** Opening Material for the task block **
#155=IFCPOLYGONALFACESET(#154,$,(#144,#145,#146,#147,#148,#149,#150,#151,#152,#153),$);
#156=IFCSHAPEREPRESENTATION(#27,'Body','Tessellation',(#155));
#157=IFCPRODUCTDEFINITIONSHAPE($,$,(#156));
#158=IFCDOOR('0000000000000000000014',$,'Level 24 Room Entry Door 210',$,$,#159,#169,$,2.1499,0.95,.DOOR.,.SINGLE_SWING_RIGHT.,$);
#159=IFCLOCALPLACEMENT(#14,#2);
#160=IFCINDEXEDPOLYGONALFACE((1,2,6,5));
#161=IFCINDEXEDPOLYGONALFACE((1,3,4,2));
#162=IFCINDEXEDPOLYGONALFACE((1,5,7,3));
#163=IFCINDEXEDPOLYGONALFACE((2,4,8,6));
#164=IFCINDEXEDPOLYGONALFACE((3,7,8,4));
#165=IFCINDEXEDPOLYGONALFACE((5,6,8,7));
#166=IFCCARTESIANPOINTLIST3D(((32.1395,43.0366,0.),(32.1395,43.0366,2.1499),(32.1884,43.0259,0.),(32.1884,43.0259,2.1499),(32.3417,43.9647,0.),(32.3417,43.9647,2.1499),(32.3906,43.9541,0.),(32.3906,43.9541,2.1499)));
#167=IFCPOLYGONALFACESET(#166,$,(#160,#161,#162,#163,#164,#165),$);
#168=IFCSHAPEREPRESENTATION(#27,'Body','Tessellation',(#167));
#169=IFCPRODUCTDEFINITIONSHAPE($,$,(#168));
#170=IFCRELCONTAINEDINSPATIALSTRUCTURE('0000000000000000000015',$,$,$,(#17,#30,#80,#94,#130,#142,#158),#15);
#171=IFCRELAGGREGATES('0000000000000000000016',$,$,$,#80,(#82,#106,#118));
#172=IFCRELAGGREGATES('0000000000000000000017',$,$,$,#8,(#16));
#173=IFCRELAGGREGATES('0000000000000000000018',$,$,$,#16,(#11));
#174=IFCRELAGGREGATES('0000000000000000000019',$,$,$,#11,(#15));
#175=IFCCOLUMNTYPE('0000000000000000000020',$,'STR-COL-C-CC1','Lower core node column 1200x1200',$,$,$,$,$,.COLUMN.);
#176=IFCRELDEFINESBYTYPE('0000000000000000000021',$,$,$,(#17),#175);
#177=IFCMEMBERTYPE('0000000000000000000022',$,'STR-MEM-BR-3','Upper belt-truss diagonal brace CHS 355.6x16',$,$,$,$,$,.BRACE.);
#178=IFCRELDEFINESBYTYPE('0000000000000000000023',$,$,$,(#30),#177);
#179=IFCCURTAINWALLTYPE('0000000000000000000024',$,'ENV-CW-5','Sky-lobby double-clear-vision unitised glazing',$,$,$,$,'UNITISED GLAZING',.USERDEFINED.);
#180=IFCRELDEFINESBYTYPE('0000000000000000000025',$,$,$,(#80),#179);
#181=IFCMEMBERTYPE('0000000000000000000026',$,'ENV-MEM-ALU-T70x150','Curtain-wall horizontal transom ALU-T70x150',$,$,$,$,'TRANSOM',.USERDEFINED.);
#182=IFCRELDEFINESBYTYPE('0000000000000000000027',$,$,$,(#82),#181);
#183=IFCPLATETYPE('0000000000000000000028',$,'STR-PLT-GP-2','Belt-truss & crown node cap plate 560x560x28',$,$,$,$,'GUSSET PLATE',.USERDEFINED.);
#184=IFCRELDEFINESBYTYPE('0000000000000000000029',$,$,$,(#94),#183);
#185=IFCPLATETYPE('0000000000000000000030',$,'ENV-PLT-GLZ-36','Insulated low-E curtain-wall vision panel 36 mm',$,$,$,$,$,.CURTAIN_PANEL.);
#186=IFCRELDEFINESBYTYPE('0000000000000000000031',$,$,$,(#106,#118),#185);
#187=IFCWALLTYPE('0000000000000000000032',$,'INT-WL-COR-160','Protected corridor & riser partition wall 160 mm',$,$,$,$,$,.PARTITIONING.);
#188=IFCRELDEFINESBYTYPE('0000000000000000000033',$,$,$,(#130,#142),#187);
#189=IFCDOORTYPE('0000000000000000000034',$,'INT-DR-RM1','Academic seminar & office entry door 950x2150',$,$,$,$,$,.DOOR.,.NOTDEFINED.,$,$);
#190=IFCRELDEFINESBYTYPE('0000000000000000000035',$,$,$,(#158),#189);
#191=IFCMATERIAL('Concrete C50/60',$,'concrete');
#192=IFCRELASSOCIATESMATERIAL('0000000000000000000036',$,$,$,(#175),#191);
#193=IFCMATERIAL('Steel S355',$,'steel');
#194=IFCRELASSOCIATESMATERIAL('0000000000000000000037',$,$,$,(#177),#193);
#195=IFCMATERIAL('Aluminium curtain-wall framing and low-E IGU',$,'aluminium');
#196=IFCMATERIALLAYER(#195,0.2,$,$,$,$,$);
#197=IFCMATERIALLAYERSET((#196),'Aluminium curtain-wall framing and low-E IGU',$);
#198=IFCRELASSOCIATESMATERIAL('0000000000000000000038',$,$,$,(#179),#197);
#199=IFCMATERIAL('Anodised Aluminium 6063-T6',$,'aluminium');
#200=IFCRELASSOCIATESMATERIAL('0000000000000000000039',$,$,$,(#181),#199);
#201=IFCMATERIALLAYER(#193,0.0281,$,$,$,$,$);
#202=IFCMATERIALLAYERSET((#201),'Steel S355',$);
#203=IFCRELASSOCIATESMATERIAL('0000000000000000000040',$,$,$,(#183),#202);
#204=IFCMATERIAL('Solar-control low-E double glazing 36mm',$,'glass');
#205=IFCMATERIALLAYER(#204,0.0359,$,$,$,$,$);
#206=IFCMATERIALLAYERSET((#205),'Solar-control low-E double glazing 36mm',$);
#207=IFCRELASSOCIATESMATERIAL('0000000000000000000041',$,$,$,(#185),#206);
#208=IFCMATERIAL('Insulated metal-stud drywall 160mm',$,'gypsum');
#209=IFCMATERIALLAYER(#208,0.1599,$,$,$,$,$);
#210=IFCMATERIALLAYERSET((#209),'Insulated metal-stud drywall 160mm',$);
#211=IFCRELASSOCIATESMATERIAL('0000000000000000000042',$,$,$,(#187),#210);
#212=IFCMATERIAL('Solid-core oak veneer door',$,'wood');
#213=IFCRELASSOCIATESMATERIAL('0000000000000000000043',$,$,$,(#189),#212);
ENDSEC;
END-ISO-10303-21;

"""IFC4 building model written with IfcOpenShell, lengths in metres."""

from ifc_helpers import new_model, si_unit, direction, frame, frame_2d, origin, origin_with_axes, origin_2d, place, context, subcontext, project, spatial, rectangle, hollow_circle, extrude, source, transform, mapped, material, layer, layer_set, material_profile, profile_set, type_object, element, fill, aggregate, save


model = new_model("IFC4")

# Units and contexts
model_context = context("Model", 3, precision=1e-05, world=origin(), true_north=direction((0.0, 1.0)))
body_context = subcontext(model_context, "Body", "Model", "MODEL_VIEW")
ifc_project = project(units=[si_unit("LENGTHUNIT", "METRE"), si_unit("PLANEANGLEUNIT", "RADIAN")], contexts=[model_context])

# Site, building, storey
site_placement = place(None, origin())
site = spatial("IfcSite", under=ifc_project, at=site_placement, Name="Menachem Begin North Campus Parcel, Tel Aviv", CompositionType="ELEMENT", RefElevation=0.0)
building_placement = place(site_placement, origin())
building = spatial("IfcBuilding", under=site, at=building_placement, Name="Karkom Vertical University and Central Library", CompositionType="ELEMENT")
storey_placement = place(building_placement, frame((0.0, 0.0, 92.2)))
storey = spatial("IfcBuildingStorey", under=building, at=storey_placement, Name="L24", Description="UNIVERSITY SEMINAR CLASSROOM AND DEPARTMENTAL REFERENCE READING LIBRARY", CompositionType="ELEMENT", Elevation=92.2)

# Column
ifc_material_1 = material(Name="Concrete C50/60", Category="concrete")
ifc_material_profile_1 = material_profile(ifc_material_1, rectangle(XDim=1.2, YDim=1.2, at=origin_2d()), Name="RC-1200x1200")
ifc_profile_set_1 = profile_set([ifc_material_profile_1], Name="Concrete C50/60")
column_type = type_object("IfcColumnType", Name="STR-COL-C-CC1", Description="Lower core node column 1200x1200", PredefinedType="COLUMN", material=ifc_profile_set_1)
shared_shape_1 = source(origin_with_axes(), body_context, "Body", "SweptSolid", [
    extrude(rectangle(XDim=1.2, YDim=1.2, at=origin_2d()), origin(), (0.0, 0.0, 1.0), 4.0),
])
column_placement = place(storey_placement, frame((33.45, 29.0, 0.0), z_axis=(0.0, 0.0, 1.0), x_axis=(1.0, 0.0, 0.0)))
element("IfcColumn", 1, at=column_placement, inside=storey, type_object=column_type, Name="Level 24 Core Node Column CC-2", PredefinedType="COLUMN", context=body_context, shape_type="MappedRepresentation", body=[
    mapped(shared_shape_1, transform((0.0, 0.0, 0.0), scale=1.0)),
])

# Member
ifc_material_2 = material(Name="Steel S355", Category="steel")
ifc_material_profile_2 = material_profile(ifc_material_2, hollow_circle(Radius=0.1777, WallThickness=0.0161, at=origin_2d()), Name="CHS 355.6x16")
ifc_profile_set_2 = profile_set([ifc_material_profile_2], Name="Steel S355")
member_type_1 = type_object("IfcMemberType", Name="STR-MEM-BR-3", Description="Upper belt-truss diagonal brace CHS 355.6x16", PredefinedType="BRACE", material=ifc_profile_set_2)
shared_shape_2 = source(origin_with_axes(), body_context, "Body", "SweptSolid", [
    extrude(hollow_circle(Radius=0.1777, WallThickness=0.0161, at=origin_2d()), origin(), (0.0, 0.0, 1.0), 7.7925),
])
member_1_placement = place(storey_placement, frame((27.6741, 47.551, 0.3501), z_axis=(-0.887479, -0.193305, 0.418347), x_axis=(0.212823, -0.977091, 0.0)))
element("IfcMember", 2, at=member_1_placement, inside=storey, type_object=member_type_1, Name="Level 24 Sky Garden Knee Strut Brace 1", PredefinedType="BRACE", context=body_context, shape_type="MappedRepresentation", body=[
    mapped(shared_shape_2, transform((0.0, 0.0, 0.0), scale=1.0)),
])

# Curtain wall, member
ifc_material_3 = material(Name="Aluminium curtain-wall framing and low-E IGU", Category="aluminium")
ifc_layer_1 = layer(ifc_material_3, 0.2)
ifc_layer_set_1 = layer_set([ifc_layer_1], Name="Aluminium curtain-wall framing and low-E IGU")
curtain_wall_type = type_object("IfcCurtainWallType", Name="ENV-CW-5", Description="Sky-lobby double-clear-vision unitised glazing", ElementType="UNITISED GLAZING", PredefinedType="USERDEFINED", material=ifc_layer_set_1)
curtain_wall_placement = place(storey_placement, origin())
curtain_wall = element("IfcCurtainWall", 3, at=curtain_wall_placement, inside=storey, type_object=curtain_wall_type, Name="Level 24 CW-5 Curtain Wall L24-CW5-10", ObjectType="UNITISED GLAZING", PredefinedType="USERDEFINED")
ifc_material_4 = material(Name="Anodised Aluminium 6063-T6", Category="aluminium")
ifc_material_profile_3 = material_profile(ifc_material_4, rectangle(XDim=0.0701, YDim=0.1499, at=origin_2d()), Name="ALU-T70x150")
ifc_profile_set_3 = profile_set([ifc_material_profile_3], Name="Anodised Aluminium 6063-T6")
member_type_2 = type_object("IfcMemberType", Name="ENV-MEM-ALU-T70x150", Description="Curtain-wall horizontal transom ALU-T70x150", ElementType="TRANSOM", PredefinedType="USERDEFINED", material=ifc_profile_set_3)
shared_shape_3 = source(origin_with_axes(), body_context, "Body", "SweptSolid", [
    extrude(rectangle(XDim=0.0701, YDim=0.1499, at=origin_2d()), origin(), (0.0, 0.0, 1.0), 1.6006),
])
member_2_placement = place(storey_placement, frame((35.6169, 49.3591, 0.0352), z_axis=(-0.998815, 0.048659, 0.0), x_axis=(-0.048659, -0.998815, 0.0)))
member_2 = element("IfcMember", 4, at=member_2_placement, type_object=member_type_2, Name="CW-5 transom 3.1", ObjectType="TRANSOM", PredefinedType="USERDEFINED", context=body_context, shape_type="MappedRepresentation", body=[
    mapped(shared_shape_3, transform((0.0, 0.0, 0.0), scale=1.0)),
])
** Closing Material for the task block **
- **What you need to do**
Above are the records. Print exactly, and only, the lines from the line with "# Units and contexts" to the line with "Begin North Campus", both inclusive.

- **Output of the task**
# Units and contexts
model_context = context("Model", 3, precision=1e-05, world=origin(), true_north=direction((0.0, 1.0)))
body_context = subcontext(model_context, "Body", "Model", "MODEL_VIEW")
ifc_project = project(units=[si_unit("LENGTHUNIT", "METRE"), si_unit("PLANEANGLEUNIT", "RADIAN")], contexts=[model_context])

# Site, building, storey
site_placement = place(None, origin())
site = spatial("IfcSite", under=ifc_project, at=site_placement, Name="Menachem Begin North Campus Parcel, Tel Aviv", CompositionType="ELEMENT", RefElevation=0.0)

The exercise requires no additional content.